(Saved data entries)
--- START ---
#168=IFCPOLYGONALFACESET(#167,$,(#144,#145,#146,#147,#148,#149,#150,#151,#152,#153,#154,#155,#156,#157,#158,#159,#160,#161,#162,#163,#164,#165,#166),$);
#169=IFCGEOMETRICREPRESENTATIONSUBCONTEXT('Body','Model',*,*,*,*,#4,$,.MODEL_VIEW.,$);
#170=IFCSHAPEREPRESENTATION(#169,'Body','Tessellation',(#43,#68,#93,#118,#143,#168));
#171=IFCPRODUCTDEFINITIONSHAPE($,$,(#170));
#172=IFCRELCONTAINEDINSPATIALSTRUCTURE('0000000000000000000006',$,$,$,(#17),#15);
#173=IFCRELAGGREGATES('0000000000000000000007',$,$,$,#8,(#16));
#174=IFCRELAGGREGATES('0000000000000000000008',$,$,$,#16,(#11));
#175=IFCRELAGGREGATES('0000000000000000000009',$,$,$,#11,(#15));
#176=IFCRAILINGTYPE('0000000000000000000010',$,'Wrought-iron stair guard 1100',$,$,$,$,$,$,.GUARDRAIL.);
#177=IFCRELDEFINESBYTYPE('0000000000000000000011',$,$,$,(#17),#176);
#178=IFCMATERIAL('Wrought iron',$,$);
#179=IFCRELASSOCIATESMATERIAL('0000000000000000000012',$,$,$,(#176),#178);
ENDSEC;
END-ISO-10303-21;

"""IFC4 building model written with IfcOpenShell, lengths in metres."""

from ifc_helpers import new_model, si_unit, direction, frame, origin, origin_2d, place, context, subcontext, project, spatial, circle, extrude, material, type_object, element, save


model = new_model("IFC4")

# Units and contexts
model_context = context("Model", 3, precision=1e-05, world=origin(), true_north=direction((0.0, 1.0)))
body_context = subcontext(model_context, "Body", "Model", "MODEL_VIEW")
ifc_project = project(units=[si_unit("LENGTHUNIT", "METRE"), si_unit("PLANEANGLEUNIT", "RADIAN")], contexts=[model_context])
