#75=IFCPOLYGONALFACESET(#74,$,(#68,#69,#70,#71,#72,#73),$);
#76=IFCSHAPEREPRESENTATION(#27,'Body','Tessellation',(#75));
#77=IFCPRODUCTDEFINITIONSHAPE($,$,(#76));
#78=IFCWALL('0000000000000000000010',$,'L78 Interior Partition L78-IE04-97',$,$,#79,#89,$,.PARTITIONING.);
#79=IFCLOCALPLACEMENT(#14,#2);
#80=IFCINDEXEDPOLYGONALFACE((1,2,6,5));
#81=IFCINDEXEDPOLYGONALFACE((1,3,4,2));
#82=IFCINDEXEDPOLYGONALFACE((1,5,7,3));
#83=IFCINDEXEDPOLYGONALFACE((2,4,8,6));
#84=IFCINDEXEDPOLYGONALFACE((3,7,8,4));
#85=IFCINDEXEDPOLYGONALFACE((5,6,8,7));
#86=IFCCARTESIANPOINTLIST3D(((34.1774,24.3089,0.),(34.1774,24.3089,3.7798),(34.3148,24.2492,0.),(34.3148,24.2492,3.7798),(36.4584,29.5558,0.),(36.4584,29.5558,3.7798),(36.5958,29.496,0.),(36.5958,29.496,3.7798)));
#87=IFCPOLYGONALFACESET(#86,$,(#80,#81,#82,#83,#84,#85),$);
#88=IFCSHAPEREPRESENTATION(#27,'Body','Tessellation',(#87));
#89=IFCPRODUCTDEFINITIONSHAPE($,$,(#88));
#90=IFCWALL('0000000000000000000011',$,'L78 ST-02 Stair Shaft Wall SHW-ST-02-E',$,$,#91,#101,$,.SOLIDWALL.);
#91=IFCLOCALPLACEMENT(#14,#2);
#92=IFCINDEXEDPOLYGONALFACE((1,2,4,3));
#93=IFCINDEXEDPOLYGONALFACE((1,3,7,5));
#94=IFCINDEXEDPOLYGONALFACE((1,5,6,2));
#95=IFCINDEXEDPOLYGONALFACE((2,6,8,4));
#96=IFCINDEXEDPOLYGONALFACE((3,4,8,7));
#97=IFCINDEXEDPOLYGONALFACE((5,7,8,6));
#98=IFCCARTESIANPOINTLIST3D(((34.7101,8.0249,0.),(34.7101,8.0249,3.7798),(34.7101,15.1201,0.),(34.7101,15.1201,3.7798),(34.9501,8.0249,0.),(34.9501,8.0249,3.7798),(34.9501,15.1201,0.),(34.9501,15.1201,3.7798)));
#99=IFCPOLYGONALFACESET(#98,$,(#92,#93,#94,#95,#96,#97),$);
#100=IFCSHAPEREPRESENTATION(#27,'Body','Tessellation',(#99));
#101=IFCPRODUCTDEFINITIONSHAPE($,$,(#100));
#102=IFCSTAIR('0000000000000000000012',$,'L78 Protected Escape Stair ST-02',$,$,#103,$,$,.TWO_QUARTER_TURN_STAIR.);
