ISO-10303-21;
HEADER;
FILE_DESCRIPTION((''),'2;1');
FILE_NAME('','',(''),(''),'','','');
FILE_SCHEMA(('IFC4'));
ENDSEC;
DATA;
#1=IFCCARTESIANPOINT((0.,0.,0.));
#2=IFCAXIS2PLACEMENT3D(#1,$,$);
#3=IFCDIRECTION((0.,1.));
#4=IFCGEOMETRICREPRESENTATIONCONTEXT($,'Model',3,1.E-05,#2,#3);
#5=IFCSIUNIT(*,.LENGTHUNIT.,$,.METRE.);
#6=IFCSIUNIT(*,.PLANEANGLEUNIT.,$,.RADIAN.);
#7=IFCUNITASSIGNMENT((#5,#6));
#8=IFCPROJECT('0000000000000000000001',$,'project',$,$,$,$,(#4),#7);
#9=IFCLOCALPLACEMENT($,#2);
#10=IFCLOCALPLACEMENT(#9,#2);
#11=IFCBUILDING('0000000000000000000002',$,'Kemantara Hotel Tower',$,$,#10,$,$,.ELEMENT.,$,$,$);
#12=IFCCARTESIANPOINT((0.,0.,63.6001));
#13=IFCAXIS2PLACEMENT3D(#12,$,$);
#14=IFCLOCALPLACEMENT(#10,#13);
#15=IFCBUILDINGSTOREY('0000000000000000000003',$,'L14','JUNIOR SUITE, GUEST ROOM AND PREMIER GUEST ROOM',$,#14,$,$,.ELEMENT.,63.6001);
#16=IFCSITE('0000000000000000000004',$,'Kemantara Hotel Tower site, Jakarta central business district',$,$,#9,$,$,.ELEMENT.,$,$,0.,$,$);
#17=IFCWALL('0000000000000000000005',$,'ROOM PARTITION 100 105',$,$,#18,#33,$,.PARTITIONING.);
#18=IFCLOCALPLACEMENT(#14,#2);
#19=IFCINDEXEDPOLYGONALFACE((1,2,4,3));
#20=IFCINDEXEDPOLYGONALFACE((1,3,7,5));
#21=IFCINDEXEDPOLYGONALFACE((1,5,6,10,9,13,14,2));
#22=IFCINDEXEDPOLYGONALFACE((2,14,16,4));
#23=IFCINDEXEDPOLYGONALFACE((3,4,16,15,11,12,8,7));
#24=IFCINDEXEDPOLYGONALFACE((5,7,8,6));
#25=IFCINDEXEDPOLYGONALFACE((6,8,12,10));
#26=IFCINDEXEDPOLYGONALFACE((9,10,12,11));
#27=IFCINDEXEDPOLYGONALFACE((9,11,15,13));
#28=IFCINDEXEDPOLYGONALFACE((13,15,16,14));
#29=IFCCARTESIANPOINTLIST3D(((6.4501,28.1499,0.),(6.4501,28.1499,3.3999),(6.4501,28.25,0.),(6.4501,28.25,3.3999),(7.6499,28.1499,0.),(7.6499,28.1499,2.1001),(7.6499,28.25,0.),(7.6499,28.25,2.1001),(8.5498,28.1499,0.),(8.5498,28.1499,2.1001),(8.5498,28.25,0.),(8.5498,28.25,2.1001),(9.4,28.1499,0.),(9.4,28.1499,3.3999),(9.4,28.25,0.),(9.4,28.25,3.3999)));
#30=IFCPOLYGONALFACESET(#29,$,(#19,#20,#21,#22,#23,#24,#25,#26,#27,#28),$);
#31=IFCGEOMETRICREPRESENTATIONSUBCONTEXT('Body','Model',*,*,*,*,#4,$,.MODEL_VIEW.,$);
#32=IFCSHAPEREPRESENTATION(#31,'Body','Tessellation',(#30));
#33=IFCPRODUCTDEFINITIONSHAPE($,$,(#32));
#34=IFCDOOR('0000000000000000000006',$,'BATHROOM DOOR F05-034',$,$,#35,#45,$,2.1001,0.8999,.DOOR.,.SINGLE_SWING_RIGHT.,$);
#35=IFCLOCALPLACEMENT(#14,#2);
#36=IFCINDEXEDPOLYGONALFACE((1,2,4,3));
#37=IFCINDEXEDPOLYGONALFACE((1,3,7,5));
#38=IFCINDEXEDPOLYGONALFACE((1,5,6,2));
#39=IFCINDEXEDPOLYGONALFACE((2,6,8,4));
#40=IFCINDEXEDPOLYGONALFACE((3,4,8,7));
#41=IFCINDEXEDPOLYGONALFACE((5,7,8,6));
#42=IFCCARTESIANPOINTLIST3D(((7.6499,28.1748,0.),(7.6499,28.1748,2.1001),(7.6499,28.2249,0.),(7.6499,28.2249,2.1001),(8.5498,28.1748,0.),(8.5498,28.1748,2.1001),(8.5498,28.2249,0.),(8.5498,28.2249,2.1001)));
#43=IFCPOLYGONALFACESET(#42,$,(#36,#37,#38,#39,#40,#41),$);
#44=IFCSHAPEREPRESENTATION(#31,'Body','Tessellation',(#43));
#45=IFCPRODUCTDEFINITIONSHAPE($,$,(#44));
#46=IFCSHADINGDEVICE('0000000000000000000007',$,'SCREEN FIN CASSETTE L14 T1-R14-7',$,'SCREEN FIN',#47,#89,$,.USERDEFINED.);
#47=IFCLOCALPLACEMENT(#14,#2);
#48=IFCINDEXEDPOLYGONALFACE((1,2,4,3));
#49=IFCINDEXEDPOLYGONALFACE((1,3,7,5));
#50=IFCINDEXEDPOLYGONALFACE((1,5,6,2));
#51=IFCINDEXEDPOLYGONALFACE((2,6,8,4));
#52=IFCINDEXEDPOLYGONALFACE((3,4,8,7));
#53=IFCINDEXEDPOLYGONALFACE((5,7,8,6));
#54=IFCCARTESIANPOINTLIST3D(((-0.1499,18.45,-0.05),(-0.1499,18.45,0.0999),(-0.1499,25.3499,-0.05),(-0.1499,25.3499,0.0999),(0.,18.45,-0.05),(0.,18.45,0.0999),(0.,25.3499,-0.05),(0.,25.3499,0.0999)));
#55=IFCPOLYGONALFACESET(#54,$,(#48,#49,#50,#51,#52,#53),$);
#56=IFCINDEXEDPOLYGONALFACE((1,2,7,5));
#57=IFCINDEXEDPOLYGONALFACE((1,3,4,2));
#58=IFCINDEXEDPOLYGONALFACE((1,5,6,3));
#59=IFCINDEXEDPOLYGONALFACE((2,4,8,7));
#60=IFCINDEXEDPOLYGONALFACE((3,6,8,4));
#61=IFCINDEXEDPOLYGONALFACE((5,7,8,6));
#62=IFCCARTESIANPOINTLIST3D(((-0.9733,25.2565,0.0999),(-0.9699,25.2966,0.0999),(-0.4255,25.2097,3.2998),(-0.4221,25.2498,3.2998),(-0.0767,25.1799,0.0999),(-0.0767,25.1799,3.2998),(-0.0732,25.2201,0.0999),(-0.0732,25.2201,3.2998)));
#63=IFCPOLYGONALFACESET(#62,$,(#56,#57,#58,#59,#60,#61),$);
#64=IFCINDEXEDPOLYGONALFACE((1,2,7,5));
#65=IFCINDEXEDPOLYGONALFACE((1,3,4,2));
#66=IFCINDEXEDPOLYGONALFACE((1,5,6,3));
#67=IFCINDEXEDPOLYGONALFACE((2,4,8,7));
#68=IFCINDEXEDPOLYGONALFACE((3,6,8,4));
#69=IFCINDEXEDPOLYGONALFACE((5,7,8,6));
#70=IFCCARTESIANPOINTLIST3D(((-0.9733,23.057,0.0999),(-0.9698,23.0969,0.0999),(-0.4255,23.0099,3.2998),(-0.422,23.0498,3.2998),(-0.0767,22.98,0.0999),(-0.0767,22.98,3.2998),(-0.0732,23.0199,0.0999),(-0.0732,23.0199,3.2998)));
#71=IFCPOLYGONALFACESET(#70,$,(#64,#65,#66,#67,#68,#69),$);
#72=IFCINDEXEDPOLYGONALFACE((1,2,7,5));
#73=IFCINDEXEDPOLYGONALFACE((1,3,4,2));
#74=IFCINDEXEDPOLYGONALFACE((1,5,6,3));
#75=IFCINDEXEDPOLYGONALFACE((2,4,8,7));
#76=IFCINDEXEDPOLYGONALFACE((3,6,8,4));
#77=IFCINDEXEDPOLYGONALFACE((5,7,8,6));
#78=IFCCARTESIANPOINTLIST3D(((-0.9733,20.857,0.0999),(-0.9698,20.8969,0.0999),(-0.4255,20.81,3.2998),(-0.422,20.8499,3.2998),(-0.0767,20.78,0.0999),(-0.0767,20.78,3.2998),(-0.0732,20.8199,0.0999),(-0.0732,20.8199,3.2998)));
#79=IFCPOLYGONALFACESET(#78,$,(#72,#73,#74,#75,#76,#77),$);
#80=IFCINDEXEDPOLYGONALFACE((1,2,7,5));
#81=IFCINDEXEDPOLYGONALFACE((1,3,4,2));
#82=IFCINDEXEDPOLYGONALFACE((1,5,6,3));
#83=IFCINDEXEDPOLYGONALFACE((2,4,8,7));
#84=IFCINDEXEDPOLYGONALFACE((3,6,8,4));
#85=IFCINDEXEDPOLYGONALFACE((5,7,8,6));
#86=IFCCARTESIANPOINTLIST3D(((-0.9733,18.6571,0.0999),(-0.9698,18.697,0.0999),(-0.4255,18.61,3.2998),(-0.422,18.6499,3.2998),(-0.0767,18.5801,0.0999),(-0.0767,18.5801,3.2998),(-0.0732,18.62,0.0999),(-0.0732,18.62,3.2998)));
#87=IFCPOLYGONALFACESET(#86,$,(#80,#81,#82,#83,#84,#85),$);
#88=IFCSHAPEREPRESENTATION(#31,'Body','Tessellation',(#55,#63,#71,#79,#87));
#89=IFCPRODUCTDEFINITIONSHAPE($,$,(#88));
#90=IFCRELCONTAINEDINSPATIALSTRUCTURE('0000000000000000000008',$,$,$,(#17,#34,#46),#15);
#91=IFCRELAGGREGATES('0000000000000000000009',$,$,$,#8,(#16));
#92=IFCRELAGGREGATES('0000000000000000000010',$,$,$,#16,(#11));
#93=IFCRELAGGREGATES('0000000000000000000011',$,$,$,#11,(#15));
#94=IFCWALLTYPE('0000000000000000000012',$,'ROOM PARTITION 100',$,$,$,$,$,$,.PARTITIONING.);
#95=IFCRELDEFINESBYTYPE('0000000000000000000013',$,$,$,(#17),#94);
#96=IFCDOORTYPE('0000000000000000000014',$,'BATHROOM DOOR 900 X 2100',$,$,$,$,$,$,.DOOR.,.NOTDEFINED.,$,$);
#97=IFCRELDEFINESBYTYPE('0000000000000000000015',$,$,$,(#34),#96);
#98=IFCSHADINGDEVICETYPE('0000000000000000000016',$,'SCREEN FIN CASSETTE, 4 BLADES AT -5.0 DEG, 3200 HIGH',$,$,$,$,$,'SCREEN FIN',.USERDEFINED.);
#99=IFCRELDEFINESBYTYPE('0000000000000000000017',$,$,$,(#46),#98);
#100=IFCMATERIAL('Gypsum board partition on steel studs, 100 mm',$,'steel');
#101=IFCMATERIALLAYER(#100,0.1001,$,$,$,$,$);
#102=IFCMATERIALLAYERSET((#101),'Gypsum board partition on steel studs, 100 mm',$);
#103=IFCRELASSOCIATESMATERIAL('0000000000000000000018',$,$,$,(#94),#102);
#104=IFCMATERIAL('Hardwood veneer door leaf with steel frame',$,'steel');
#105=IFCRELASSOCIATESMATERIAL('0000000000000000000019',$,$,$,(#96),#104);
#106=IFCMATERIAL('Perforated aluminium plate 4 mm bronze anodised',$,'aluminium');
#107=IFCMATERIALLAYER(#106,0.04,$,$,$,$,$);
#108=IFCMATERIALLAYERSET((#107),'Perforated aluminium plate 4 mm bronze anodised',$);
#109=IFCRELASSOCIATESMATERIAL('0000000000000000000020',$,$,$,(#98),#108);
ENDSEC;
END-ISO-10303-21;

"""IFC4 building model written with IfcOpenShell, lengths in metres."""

from ifc_helpers import new_model, si_unit, direction, frame, frame_2d, origin, origin_2d, place, context, subcontext, project, spatial, polyline, rectangle, outline, extrude, source, transform, mapped, material, layer, layer_set, type_object, element, fill, save


model = new_model("IFC4")

# Units and contexts
model_context = context("Model", 3, precision=1e-05, world=origin(), true_north=direction((0.0, 1.0)))
body_context = subcontext(model_context, "Body", "Model", "MODEL_VIEW")
ifc_project = project(units=[si_unit("LENGTHUNIT", "METRE"), si_unit("PLANEANGLEUNIT", "RADIAN")], contexts=[model_context])

# Site, building, storey
site_placement = place(None, origin())
site = spatial("IfcSite", under=ifc_project, at=site_placement, Name="Kemantara Hotel Tower site, Jakarta central business district", CompositionType="ELEMENT", RefElevation=0.0)
building_placement = place(site_placement, origin())
building = spatial("IfcBuilding", under=site, at=building_placement, Name="Kemantara Hotel Tower", CompositionType="ELEMENT")
storey_placement = place(building_placement, frame((0.0, 0.0, 63.6001)))
storey = spatial("IfcBuildingStorey", under=building, at=storey_placement, Name="L14", Description="JUNIOR SUITE, GUEST ROOM AND PREMIER GUEST ROOM", CompositionType="ELEMENT", Elevation=63.6001)

# Shared definitions
ifc_material_1 = material(Name="Hardwood veneer door leaf with steel frame", Category="steel")

# Shared definitions
ifc_material_2 = material(Name="Gypsum board partition on steel studs, 100 mm", Category="steel")
ifc_layer_1 = layer(ifc_material_2, 0.1001)
ifc_layer_set_1 = layer_set([ifc_layer_1], Name="Gypsum board partition on steel studs, 100 mm")
wall_type_1 = type_object("IfcWallType", Name="ROOM PARTITION 100", PredefinedType="PARTITIONING", material=ifc_layer_set_1)

# Wall, opening, door
wall_1_placement = place(storey_placement, frame((6.45, 28.2, 0.0), z_axis=(0.0, 0.0, 1.0), x_axis=(1.0, 0.0, 0.0)))
wall_1 = element("IfcWall", 1, at=wall_1_placement, inside=storey, type_object=wall_type_1, Name="ROOM PARTITION 100 105", PredefinedType="PARTITIONING", context=body_context, shape_type="SweptSolid", body=[
    extrude(rectangle(XDim=2.95, YDim=0.1001, at=frame_2d((1.4751, 0.0))), origin(), (0.0, 0.0, 1.0), 3.3999),
])
opening_1_placement = place(wall_1_placement, frame((1.2, 0.0, 0.0)))
opening_1 = element("IfcOpeningElement", 2, at=opening_1_placement, cuts=wall_1, PredefinedType="OPENING", context=body_context, shape_type="SweptSolid", body=[
    extrude(rectangle(XDim=0.8999, YDim=2.1001, at=frame_2d((0.45, 1.05))), frame((0.0, 0.0601, 0.0), z_axis=(0.0, -1.0, 0.0), x_axis=(1.0, 0.0, 0.0)), (0.0, 0.0, 1.0), 0.1201),
])
door_type_1 = type_object("IfcDoorType", Name="BATHROOM DOOR 900 X 2100", OperationType="NOTDEFINED", PredefinedType="DOOR", material=ifc_material_1)
door_1_placement = place(opening_1_placement, origin())
door_1 = element("IfcDoor", 3, at=door_1_placement, inside=storey, type_object=door_type_1, Name="BATHROOM DOOR F05-034", OperationType="SINGLE_SWING_RIGHT", OverallHeight=2.1001, OverallWidth=0.8999, PredefinedType="DOOR", context=body_context, shape_type="SweptSolid", body=[
    extrude(rectangle(XDim=0.8999, YDim=2.1001, at=frame_2d((0.45, 1.05))), frame((0.0, 0.0249, 0.0), z_axis=(0.0, -1.0, 0.0), x_axis=(1.0, 0.0, 0.0)), (0.0, 0.0, 1.0), 0.05),
])
fill(opening_1, door_1)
--- END ---
The problem:
After locating the line holding "#171=IFCPRODUCTDEFINITIONSHAPE($,$,(#170));" above, output exactly that line and every line after it through the line holding "#77=IFCPRODUCTDEFINITIONSHAPE($,$,(#76));". Include nothing else.

Exercise result:
#171=IFCPRODUCTDEFINITIONSHAPE($,$,(#170));
#172=IFCRELCONTAINEDINSPATIALSTRUCTURE('0000000000000000000006',$,$,$,(#17),#15);
#173=IFCRELAGGREGATES('0000000000000000000007',$,$,$,#8,(#16));
#174=IFCRELAGGREGATES('0000000000000000000008',$,$,$,#16,(#11));
#175=IFCRELAGGREGATES('0000000000000000000009',$,$,$,#11,(#15));
#176=IFCRAILINGTYPE('0000000000000000000010',$,'Wrought-iron stair guard 1100',$,$,$,$,$,$,.GUARDRAIL.);
#177=IFCRELDEFINESBYTYPE('0000000000000000000011',$,$,$,(#17),#176);
#178=IFCMATERIAL('Wrought iron',$,$);
#179=IFCRELASSOCIATESMATERIAL('0000000000000000000012',$,$,$,(#176),#178);
ENDSEC;
END-ISO-10303-21;

"""IFC4 building model written with IfcOpenShell, lengths in metres."""

from ifc_helpers import new_model, si_unit, direction, frame, origin, origin_2d, place, context, subcontext, project, spatial, circle, extrude, material, type_object, element, save


model = new_model("IFC4")

# Units and contexts
model_context = context("Model", 3, precision=1e-05, world=origin(), true_north=direction((0.0, 1.0)))
body_context = subcontext(model_context, "Body", "Model", "MODEL_VIEW")
ifc_project = project(units=[si_unit("LENGTHUNIT", "METRE"), si_unit("PLANEANGLEUNIT", "RADIAN")], contexts=[model_context])
#75=IFCPOLYGONALFACESET(#74,$,(#68,#69,#70,#71,#72,#73),$);
#76=IFCSHAPEREPRESENTATION(#27,'Body','Tessellation',(#75));
#77=IFCPRODUCTDEFINITIONSHAPE($,$,(#76));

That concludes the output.